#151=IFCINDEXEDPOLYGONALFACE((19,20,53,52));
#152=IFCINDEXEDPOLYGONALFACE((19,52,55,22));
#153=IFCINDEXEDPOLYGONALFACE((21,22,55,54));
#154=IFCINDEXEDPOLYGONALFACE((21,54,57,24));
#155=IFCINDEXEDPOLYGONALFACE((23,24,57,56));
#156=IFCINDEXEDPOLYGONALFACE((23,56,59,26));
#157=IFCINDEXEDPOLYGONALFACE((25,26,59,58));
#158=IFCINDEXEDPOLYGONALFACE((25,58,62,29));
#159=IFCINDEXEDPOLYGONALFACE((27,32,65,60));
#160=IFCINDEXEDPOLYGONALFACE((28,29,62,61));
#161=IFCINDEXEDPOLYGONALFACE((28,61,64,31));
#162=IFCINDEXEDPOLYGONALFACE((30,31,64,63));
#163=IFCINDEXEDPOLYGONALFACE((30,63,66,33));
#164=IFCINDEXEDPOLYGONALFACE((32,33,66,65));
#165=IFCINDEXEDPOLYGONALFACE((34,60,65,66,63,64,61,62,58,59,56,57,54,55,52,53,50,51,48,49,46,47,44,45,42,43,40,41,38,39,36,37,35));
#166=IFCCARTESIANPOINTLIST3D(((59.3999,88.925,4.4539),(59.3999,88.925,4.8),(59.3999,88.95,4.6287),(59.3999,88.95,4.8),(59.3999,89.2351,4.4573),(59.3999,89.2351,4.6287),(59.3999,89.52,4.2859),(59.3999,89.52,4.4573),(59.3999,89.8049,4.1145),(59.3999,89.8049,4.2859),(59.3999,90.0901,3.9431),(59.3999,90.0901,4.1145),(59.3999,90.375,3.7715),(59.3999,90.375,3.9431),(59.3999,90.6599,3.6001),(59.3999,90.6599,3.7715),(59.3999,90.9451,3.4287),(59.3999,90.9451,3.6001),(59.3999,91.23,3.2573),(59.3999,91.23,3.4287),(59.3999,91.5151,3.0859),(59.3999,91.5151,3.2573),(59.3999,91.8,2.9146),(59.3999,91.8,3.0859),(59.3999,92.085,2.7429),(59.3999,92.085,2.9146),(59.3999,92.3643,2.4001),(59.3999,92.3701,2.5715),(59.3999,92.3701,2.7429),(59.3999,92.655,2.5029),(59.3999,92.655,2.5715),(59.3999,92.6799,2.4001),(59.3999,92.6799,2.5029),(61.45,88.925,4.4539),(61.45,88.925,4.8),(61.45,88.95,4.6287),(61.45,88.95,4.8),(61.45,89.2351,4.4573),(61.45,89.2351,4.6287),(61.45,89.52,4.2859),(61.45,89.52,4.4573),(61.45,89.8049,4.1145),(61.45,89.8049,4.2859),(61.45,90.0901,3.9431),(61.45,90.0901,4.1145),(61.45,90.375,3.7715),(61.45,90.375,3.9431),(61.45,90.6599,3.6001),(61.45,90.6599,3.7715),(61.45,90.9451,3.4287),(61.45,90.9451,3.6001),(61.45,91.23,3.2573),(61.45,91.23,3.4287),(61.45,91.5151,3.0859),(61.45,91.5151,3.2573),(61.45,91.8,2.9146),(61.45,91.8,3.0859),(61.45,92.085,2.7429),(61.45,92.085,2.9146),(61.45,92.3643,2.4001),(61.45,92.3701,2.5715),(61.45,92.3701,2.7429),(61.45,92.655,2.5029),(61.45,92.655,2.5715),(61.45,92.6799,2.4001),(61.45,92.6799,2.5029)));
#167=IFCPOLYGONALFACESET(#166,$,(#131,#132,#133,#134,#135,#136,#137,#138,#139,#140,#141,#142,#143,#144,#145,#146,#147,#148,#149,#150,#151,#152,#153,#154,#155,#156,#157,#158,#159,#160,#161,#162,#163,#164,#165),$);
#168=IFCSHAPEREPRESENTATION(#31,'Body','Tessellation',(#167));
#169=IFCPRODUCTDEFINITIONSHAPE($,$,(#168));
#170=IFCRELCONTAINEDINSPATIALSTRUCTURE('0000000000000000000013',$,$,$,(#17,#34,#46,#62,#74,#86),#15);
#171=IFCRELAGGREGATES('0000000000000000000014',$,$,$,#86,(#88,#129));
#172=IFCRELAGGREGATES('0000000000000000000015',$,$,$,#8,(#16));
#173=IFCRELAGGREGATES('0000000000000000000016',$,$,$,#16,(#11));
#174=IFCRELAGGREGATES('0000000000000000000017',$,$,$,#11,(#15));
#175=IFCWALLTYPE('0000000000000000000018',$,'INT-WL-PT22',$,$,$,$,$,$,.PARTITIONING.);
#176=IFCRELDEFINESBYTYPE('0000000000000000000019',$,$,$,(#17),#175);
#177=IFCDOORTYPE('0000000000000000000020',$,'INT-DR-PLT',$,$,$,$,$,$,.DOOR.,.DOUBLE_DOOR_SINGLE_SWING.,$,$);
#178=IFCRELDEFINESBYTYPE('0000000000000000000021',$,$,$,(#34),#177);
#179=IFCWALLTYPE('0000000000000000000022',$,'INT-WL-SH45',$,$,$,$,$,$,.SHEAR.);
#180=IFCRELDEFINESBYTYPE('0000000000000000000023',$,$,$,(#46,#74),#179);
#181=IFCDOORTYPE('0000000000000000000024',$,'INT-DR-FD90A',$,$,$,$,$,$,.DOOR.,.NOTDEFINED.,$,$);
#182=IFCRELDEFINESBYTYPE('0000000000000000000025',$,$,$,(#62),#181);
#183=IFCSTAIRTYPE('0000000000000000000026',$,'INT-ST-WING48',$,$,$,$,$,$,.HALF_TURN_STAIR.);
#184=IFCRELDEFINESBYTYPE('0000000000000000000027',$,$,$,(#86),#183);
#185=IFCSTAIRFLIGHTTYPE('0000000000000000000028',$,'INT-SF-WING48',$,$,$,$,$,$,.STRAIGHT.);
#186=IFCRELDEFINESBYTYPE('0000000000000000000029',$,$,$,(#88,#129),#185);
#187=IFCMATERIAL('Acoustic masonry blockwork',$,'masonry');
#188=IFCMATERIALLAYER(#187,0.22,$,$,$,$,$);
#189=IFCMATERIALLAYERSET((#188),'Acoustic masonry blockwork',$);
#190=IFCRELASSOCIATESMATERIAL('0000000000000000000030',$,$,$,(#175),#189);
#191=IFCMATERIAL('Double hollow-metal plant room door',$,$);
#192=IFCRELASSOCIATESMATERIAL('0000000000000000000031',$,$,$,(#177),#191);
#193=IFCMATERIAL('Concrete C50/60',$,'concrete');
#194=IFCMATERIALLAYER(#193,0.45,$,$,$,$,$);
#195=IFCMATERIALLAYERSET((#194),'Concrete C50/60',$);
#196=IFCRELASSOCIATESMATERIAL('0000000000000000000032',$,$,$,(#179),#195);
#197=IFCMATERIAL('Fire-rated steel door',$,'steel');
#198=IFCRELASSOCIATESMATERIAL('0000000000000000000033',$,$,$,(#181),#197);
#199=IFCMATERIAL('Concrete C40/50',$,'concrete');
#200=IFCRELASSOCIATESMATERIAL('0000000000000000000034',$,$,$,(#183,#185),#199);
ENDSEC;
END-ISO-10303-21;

◆ WHAT YOU ARE ASKED TO DO ◆
Wherever a line contains the string "Acoustic", copy that line from the data.

◆ RESPONSE TO THE TASK ◆
#187=IFCMATERIAL('Acoustic masonry blockwork',$,'masonry');
#189=IFCMATERIALLAYERSET((#188),'Acoustic masonry blockwork',$);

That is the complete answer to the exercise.